═══ Records provided ═══
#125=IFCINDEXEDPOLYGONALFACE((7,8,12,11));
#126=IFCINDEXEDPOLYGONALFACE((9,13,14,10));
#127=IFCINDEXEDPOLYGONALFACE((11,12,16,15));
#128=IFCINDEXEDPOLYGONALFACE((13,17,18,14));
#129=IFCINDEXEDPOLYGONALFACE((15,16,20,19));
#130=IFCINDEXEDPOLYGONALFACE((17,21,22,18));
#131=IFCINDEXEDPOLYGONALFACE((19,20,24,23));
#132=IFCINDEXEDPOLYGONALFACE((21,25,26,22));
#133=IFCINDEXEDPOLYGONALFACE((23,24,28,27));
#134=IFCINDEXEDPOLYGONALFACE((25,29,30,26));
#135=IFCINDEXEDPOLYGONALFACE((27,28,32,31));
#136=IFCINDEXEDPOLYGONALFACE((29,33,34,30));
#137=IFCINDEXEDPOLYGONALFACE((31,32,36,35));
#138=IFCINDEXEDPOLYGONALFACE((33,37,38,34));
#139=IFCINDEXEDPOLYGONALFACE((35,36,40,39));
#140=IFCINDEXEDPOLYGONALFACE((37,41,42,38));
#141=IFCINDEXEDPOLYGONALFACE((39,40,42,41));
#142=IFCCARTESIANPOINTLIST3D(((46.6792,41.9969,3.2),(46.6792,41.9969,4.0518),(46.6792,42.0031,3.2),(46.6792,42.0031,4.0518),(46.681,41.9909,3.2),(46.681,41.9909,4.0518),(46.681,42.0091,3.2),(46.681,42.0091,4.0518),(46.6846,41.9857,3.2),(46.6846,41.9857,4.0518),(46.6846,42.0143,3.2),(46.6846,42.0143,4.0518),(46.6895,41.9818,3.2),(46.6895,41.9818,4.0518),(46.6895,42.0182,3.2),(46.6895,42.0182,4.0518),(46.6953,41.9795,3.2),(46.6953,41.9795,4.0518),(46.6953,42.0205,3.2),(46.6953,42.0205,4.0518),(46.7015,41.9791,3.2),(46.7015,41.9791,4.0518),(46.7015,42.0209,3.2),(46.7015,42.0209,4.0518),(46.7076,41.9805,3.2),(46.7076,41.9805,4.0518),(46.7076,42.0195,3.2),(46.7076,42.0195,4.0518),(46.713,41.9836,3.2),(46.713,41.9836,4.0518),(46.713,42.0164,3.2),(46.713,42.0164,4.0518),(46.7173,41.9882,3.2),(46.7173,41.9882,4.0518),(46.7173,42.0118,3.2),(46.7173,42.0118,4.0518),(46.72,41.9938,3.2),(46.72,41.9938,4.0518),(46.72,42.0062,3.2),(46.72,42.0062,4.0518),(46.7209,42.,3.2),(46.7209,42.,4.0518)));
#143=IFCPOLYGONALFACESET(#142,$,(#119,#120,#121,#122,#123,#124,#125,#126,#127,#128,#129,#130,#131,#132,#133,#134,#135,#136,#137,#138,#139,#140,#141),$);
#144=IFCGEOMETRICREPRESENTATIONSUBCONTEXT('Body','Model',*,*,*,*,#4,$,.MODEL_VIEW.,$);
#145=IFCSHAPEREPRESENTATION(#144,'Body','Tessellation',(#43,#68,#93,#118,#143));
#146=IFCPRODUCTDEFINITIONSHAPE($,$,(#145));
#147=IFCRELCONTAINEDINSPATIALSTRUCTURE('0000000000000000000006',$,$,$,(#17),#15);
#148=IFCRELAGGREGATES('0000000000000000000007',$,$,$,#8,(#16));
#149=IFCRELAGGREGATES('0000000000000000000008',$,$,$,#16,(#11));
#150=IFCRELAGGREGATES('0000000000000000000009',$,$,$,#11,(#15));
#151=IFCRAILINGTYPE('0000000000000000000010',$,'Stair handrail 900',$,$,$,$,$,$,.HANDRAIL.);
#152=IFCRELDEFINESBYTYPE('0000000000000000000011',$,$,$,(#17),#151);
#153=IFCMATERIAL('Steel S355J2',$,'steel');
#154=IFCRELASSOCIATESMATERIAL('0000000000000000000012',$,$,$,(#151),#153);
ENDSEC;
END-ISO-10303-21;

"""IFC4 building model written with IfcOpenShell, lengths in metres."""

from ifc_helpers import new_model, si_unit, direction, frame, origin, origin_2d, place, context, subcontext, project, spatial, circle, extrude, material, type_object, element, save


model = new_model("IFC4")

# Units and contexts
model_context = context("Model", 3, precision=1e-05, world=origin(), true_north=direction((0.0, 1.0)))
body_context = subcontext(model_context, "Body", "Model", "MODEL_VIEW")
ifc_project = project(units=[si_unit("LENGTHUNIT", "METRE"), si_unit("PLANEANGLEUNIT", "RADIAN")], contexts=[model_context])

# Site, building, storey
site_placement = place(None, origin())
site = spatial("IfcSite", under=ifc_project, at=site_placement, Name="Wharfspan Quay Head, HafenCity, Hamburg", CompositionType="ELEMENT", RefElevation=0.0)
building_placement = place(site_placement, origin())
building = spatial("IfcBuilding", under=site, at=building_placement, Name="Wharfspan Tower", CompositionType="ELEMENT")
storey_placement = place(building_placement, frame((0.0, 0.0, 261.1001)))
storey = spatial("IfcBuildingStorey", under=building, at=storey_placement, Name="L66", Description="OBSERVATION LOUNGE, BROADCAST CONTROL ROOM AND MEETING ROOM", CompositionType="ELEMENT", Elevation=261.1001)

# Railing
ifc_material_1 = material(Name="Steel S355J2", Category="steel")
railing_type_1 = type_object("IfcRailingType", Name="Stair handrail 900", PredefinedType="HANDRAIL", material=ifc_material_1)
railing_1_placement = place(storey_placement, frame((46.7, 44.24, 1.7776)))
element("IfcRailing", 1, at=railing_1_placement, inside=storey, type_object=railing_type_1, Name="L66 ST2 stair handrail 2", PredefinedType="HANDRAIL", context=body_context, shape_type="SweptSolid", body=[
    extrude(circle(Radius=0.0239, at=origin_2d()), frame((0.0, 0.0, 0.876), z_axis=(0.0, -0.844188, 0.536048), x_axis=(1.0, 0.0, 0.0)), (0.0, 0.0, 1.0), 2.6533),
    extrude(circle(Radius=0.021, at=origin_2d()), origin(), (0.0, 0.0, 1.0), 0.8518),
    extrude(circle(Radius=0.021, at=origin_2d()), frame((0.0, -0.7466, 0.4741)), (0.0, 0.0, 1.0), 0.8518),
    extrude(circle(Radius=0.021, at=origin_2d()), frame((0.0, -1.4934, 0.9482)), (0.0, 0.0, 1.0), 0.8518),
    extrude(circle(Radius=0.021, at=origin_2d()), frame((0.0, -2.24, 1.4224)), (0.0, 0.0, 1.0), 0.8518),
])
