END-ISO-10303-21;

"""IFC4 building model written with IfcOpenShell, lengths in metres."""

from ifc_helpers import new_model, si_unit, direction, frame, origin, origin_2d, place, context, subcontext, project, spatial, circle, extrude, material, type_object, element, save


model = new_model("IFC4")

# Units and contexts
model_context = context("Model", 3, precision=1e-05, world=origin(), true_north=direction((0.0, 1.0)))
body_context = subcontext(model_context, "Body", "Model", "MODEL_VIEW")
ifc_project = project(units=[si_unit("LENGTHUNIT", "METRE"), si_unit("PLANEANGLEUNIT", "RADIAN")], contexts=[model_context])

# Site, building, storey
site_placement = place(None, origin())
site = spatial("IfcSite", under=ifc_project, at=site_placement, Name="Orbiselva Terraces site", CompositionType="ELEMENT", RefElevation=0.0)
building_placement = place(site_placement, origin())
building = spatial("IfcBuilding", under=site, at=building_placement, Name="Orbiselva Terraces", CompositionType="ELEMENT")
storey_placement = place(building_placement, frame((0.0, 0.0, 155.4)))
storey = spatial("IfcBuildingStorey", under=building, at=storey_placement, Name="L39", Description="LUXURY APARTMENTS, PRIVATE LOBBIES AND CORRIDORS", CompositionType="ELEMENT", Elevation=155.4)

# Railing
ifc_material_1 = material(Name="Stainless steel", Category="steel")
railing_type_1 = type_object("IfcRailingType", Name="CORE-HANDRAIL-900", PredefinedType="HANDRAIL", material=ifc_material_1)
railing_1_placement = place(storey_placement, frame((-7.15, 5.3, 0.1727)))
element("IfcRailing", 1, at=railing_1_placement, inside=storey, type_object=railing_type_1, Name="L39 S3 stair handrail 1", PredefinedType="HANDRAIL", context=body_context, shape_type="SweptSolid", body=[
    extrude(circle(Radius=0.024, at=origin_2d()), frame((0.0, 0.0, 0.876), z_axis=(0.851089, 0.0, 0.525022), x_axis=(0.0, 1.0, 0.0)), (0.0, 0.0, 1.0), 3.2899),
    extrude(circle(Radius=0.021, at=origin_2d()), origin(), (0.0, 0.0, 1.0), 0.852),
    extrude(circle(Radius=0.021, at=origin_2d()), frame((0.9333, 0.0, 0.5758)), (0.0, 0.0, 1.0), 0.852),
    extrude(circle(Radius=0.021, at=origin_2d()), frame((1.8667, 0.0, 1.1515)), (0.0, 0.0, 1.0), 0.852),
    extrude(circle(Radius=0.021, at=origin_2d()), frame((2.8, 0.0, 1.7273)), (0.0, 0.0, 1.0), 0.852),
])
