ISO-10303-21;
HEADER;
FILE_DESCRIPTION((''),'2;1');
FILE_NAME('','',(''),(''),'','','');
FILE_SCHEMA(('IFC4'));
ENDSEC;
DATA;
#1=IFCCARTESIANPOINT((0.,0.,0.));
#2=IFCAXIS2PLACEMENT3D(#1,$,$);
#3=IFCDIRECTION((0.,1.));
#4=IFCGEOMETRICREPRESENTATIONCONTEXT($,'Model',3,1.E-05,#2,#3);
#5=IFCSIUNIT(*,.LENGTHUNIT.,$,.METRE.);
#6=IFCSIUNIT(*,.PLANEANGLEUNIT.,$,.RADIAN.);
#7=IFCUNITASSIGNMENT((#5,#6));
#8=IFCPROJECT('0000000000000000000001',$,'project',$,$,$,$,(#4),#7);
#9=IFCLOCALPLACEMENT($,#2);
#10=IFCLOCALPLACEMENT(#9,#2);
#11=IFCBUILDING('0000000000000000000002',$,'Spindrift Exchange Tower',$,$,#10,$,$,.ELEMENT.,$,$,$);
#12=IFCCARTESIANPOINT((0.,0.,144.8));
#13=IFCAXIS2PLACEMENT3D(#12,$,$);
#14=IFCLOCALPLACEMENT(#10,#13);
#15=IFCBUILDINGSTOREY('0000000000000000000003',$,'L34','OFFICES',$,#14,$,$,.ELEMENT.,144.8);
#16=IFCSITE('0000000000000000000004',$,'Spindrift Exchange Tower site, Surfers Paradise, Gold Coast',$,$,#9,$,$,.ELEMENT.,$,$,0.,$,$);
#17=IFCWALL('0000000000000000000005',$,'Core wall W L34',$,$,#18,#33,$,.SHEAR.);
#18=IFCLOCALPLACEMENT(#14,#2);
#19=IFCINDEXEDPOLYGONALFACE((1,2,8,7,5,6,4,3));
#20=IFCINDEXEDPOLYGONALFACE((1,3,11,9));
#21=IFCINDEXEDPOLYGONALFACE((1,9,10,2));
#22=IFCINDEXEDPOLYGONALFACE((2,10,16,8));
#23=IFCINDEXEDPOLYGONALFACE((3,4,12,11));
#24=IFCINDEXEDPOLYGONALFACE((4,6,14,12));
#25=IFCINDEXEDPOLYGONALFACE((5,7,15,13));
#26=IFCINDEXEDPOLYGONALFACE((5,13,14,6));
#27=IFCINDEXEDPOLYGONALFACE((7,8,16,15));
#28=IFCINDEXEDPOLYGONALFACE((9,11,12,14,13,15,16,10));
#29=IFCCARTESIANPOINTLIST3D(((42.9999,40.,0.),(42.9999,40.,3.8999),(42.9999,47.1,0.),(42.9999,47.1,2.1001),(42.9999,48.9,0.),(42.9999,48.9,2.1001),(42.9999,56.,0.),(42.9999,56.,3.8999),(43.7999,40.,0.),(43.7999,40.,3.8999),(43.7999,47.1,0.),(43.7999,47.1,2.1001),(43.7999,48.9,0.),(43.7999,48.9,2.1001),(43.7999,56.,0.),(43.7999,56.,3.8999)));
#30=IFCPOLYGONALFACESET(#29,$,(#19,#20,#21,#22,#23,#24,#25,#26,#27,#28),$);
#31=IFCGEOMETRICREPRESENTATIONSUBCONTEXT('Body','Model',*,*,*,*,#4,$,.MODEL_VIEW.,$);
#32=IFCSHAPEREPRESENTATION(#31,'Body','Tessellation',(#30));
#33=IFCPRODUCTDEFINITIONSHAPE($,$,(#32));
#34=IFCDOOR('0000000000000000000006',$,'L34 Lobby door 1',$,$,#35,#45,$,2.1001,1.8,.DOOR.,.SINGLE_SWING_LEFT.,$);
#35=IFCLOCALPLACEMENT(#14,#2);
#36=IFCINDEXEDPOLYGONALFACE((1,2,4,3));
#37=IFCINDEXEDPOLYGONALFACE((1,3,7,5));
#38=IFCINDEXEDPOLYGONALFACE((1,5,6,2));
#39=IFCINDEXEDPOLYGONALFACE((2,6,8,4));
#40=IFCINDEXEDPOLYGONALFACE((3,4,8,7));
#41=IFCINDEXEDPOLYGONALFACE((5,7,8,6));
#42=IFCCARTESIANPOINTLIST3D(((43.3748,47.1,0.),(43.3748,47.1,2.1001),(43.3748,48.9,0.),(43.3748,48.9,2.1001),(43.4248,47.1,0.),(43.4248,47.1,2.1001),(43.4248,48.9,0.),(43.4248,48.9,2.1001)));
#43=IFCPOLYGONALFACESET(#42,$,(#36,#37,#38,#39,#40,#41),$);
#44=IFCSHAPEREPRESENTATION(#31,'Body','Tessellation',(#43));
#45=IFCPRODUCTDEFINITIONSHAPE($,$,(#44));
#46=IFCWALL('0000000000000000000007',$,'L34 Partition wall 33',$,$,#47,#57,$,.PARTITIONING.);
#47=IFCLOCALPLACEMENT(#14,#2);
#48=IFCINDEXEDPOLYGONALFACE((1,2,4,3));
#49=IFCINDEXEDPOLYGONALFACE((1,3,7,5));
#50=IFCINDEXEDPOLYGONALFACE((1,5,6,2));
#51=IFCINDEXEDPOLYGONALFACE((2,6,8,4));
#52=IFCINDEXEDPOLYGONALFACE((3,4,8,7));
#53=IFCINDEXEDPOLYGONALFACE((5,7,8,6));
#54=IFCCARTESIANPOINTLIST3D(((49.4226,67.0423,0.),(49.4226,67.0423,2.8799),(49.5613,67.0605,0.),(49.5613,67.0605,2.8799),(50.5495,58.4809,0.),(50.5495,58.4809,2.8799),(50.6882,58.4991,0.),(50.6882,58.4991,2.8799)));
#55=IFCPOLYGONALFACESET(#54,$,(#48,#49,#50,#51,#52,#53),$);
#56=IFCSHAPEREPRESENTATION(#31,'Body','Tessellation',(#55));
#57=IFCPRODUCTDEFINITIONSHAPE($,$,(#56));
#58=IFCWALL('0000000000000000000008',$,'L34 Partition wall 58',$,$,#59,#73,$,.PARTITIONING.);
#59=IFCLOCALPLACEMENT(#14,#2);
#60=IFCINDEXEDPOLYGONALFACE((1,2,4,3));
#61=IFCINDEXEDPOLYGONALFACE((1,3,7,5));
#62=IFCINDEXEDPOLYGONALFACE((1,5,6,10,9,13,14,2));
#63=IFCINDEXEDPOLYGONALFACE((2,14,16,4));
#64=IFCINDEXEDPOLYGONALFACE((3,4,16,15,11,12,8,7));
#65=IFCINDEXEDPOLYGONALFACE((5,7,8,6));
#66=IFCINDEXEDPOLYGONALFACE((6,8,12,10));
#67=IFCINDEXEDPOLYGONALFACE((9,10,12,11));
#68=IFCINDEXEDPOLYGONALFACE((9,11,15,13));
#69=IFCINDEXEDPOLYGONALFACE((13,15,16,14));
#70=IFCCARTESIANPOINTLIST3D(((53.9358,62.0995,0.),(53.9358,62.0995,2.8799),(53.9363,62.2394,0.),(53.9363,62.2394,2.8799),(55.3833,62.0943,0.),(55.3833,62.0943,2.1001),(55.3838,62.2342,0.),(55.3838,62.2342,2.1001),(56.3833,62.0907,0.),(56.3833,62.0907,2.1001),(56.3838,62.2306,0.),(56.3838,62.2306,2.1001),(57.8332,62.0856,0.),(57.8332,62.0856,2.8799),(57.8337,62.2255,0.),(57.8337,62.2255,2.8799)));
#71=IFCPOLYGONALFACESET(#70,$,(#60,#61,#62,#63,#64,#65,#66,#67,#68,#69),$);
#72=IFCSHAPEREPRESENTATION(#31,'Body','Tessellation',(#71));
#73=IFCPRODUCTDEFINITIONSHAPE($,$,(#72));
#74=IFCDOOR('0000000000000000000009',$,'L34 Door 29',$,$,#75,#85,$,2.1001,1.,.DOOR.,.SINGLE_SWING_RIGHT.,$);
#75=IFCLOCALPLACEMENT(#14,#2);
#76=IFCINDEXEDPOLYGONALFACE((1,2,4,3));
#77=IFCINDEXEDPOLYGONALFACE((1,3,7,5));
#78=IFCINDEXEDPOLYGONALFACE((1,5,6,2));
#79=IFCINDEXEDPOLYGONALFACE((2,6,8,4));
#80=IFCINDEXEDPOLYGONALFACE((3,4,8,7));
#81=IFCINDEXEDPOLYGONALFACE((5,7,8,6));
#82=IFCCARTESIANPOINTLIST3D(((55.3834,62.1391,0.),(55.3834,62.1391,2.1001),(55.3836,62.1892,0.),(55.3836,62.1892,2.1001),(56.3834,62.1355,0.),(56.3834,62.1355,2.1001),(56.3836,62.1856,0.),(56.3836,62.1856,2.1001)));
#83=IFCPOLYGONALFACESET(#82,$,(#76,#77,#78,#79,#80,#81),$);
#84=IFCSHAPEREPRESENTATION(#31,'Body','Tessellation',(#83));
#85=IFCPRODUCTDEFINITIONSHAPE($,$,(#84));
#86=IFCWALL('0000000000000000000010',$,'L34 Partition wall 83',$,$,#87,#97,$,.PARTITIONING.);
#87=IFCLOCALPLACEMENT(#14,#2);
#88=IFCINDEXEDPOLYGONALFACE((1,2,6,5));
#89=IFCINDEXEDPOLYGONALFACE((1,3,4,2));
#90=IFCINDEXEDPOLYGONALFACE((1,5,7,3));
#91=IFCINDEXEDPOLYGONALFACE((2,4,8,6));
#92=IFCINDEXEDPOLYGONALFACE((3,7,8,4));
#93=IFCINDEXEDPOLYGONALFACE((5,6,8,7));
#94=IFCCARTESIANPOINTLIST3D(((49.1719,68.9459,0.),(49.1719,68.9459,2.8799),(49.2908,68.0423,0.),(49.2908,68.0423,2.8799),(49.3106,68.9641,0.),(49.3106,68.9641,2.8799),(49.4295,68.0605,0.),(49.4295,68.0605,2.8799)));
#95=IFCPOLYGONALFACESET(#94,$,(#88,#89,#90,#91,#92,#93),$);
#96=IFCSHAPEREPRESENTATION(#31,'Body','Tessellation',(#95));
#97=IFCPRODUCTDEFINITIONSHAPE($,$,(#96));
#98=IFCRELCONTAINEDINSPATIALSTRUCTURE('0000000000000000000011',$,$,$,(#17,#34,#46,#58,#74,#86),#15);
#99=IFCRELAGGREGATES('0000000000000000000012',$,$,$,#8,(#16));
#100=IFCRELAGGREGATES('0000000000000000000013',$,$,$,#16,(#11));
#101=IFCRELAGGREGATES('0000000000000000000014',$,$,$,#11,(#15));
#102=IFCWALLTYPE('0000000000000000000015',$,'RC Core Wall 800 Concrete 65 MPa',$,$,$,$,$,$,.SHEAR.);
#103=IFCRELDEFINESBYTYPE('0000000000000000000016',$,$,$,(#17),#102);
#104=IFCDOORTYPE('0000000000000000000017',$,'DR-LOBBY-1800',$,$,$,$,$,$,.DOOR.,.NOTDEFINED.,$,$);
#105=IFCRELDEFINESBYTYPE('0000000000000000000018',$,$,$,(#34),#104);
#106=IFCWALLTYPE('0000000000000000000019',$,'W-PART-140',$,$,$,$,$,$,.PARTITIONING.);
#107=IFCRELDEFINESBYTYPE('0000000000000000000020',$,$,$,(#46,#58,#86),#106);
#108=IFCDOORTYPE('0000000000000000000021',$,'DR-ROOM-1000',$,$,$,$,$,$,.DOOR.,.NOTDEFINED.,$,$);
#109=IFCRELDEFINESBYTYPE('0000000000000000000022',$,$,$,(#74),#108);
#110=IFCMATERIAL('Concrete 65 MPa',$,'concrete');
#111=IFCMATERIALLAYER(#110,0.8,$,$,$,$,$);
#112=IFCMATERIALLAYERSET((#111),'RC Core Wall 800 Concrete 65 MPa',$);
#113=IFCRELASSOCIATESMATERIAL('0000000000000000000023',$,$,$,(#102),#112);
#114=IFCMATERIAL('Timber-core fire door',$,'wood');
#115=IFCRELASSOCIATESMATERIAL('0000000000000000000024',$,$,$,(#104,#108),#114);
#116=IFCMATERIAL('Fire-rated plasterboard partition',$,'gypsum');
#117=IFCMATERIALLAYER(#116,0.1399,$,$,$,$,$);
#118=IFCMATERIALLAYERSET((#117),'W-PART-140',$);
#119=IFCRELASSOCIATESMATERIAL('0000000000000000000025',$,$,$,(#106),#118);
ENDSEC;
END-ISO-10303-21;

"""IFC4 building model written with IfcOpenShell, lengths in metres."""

from ifc_helpers import new_model, si_unit, direction, frame, frame_2d, origin, place, context, subcontext, project, spatial, rectangle, extrude, source, transform, mapped, material, layer, layer_set, type_object, element, fill, save


model = new_model("IFC4")

# Units and contexts
model_context = context("Model", 3, precision=1e-05, world=origin(), true_north=direction((0.0, 1.0)))
body_context = subcontext(model_context, "Body", "Model", "MODEL_VIEW")
ifc_project = project(units=[si_unit("LENGTHUNIT", "METRE"), si_unit("PLANEANGLEUNIT", "RADIAN")], contexts=[model_context])

# Site, building, storey
site_placement = place(None, origin())
site = spatial("IfcSite", under=ifc_project, at=site_placement, Name="Spindrift Exchange Tower site, Surfers Paradise, Gold Coast", CompositionType="ELEMENT", RefElevation=0.0)
building_placement = place(site_placement, origin())
building = spatial("IfcBuilding", under=site, at=building_placement, Name="Spindrift Exchange Tower", CompositionType="ELEMENT")
storey_placement = place(building_placement, frame((0.0, 0.0, 144.8)))
storey = spatial("IfcBuildingStorey", under=building, at=storey_placement, Name="L34", Description="OFFICES", CompositionType="ELEMENT", Elevation=144.8)

# Wall, opening, door
ifc_material_1 = material(Name="Concrete 65 MPa", Category="concrete")
ifc_layer_1 = layer(ifc_material_1, 0.8)
ifc_layer_set_1 = layer_set([ifc_layer_1], Name="RC Core Wall 800 Concrete 65 MPa")
wall_type_1 = type_object("IfcWallType", Name="RC Core Wall 800 Concrete 65 MPa", PredefinedType="SHEAR", material=ifc_layer_set_1)
wall_1_placement = place(storey_placement, frame((43.3999, 56.0, 0.0), z_axis=(0.0, 0.0, 1.0), x_axis=(0.0, -1.0, 0.0)))
wall_1 = element("IfcWall", 1, at=wall_1_placement, inside=storey, type_object=wall_type_1, Name="Core wall W L34", PredefinedType="SHEAR", context=body_context, shape_type="SweptSolid", body=[
    extrude(rectangle(XDim=16.0, YDim=0.8, at=frame_2d((8.0, 0.0))), origin(), (0.0, 0.0, 1.0), 3.8999),
])
opening_1_placement = place(wall_1_placement, frame((7.1001, 0.0, 0.0)))
opening_1 = element("IfcOpeningElement", 2, at=opening_1_placement, cuts=wall_1, PredefinedType="OPENING", context=body_context, shape_type="SweptSolid", body=[
    extrude(rectangle(XDim=1.8, YDim=2.1001, at=frame_2d((0.8999, 1.05))), frame((0.0, 0.4099, 0.0), z_axis=(0.0, -1.0, 0.0), x_axis=(1.0, 0.0, 0.0)), (0.0, 0.0, 1.0), 0.8201),
])
ifc_material_2 = material(Name="Timber-core fire door", Category="wood")
door_type_1 = type_object("IfcDoorType", Name="DR-LOBBY-1800", OperationType="NOTDEFINED", PredefinedType="DOOR", material=ifc_material_2)
shared_shape_1 = source(origin(), body_context, "Body", "SweptSolid", [
    extrude(rectangle(XDim=1.8, YDim=2.1001, at=frame_2d((0.8999, 1.05))), frame((0.0, 0.0249, 0.0), z_axis=(0.0, -1.0, 0.0), x_axis=(1.0, 0.0, 0.0)), (0.0, 0.0, 1.0), 0.05),
])
door_1_placement = place(opening_1_placement, origin())
door_1 = element("IfcDoor", 3, at=door_1_placement, inside=storey, type_object=door_type_1, Name="L34 Lobby door 1", OperationType="SINGLE_SWING_LEFT", OverallHeight=2.1001, OverallWidth=1.8, PredefinedType="DOOR", context=body_context, shape_type="MappedRepresentation", body=[
    mapped(shared_shape_1, transform((0.0, 0.0, 0.0), scale=1.0)),
])
fill(opening_1, door_1)

# Wall
ifc_material_3 = material(Name="Fire-rated plasterboard partition", Category="gypsum")
ifc_layer_2 = layer(ifc_material_3, 0.1399)
ifc_layer_set_2 = layer_set([ifc_layer_2], Name="W-PART-140")
wall_type_2 = type_object("IfcWallType", Name="W-PART-140", PredefinedType="PARTITIONING", material=ifc_layer_set_2)
wall_2_placement = place(storey_placement, frame((50.6189, 58.49, 0.0), z_axis=(0.0, 0.0, 1.0), x_axis=(-0.130508, 0.991447, 0.0)))
element("IfcWall", 4, at=wall_2_placement, inside=storey, type_object=wall_type_2, Name="L34 Partition wall 33", PredefinedType="PARTITIONING", context=body_context, shape_type="SweptSolid", body=[
    extrude(rectangle(XDim=8.6353, YDim=0.1399, at=frame_2d((4.3176, 0.0))), origin(), (0.0, 0.0, 1.0), 2.8799),
])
═══
**Exercise instructions**
Across the records, how many lines carry the word "IFCLOCALPLACEMENT"? The answer should be a number alone.

**Problem solution**
9